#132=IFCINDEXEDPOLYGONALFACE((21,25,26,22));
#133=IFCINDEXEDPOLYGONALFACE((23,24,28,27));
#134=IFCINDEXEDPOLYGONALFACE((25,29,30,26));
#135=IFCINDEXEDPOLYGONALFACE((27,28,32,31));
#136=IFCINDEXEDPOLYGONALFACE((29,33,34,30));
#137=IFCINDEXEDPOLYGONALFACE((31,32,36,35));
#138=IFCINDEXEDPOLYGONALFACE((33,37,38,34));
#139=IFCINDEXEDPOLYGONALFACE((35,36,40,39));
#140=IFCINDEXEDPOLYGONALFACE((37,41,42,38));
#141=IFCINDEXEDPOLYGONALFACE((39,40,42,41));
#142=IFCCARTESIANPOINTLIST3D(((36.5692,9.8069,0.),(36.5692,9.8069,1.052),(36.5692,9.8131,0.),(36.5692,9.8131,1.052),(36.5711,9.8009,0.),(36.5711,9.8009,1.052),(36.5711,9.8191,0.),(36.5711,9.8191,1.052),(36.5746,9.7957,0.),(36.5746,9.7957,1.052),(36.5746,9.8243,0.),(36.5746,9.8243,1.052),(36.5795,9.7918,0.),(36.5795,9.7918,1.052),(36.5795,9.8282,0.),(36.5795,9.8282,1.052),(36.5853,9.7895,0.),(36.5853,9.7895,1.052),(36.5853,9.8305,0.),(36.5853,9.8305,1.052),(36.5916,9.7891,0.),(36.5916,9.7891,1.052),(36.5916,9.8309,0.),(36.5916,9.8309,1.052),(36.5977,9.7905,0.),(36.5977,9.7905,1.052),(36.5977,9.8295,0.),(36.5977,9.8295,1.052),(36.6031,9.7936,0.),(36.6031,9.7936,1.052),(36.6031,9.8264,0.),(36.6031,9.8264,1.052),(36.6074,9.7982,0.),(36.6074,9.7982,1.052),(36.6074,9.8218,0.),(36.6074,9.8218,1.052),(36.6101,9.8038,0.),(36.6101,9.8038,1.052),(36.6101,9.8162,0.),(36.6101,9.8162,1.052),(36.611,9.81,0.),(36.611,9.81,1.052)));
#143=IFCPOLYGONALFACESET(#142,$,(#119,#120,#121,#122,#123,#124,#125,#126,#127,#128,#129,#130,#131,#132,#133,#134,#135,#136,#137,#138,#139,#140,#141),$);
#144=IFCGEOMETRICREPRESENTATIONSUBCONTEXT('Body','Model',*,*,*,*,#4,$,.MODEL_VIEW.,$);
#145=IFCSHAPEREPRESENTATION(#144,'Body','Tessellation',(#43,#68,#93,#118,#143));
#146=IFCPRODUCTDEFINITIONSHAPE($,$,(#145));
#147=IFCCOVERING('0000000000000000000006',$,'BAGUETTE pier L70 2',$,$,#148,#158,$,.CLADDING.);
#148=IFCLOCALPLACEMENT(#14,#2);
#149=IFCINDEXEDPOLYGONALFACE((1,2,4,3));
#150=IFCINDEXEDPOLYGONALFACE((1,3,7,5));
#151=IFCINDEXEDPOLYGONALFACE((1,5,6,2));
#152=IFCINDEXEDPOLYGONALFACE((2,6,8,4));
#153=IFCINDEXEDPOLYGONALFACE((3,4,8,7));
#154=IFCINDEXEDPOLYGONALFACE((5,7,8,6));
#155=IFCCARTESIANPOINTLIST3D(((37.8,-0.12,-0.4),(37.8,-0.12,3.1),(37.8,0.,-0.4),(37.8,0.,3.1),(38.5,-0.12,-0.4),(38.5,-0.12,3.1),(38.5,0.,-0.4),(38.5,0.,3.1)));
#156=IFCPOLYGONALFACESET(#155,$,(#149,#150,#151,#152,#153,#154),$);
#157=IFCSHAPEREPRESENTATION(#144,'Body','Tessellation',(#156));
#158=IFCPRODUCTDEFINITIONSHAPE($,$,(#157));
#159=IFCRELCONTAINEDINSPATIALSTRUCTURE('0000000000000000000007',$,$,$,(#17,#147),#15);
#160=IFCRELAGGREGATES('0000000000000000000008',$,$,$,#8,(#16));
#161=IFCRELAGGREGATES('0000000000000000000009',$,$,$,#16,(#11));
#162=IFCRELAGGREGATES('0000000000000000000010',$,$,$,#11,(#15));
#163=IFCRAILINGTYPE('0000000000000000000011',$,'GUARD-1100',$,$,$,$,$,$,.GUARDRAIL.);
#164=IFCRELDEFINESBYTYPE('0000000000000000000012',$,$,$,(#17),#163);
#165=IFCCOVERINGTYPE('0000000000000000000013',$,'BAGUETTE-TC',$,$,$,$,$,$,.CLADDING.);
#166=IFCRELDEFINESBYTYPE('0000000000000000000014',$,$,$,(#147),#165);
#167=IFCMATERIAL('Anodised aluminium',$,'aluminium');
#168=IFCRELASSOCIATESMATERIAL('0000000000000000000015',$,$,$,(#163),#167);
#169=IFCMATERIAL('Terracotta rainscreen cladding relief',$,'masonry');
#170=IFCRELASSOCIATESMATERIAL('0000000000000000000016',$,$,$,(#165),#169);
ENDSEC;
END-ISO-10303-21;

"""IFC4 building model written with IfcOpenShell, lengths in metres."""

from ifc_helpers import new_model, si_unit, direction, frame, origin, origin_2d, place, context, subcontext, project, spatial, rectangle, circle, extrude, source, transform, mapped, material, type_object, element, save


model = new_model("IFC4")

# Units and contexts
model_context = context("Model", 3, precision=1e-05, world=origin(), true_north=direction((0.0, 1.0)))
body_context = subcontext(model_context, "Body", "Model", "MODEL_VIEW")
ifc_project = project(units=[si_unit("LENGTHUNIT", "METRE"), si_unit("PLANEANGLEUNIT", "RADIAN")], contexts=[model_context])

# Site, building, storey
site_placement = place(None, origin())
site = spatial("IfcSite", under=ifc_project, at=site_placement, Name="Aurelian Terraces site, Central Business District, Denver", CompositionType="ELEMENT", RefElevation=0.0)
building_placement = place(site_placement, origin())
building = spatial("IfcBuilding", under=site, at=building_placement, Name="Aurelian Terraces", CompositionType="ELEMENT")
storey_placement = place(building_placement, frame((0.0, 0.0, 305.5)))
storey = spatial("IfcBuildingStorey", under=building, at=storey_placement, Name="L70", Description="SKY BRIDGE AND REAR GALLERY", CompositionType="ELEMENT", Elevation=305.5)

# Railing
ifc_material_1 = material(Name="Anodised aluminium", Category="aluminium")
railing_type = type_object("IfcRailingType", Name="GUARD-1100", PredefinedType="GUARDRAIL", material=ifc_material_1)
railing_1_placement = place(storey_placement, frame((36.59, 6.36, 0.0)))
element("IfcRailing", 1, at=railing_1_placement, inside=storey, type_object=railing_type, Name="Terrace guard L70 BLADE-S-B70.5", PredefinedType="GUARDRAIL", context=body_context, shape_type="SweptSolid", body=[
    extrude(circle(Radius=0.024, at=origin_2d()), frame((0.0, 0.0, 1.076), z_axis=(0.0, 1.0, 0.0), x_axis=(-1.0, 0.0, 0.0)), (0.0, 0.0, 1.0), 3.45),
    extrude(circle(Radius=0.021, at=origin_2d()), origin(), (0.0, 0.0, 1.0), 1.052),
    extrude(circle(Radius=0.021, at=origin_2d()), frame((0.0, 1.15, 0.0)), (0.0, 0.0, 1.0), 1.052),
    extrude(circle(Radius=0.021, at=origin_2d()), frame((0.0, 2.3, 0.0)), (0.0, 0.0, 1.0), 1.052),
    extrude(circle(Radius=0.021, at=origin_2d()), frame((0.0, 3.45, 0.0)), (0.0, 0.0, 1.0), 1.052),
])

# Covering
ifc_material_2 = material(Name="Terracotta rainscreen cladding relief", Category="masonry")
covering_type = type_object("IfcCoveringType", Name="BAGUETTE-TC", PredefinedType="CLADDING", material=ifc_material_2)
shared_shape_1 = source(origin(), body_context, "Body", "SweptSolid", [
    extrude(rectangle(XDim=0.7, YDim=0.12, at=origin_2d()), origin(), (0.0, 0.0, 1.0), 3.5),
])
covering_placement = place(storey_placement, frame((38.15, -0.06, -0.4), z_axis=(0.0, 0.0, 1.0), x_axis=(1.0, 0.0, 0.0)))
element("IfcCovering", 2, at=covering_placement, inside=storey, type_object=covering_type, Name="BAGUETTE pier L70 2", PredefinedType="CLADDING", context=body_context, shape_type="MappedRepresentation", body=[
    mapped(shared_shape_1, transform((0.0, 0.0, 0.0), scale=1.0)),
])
---
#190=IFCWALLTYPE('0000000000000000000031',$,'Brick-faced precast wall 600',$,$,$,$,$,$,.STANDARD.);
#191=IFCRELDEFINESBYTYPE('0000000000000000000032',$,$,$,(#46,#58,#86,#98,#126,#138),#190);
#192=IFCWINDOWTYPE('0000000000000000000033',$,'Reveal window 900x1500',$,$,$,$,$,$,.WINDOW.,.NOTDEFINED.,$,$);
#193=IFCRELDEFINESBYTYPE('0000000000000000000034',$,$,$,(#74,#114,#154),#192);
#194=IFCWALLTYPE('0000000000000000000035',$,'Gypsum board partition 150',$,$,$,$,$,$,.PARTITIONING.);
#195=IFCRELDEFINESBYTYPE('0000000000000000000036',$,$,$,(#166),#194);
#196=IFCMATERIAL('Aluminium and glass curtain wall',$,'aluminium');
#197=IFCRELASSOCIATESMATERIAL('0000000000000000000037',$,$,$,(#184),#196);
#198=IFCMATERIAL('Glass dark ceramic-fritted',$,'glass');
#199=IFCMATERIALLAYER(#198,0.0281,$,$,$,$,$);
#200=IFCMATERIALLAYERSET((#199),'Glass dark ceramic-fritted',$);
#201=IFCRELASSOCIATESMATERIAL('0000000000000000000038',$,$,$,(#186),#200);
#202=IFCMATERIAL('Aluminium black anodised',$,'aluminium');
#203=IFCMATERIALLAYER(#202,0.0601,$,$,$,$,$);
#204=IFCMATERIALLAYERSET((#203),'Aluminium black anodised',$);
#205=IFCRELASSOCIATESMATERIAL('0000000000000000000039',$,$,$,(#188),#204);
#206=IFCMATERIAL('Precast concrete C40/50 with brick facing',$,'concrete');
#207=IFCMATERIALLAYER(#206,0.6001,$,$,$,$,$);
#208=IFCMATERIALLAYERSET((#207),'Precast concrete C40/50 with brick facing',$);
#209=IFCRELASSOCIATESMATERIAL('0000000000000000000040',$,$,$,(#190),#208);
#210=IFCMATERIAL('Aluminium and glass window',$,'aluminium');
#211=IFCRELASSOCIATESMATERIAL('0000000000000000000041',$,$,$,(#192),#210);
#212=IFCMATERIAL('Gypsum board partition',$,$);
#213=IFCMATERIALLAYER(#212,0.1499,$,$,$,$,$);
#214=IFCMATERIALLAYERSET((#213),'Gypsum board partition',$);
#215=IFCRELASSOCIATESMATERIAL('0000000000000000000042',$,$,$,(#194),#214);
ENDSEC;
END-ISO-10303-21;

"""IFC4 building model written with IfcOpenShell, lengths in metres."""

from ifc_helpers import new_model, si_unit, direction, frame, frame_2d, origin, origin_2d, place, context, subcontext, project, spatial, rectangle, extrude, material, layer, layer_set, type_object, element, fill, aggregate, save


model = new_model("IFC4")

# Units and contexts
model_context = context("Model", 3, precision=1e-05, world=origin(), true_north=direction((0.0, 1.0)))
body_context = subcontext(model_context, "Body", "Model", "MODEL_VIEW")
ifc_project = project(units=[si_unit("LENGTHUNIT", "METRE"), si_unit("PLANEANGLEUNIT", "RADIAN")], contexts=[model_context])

Exercise goal | Among the entries above, copy exactly only the lines starting with the one containing "#132=IFCINDEXEDPOLYGONALFACE((21,25,26,22));" and going through the one containing "#141=IFCINDEXEDPOLYGONALFACE((39,40,42,41));", both ends included.

Exercise answer |
#132=IFCINDEXEDPOLYGONALFACE((21,25,26,22));
#133=IFCINDEXEDPOLYGONALFACE((23,24,28,27));
#134=IFCINDEXEDPOLYGONALFACE((25,29,30,26));
#135=IFCINDEXEDPOLYGONALFACE((27,28,32,31));
#136=IFCINDEXEDPOLYGONALFACE((29,33,34,30));
#137=IFCINDEXEDPOLYGONALFACE((31,32,36,35));
#138=IFCINDEXEDPOLYGONALFACE((33,37,38,34));
#139=IFCINDEXEDPOLYGONALFACE((35,36,40,39));
#140=IFCINDEXEDPOLYGONALFACE((37,41,42,38));
#141=IFCINDEXEDPOLYGONALFACE((39,40,42,41));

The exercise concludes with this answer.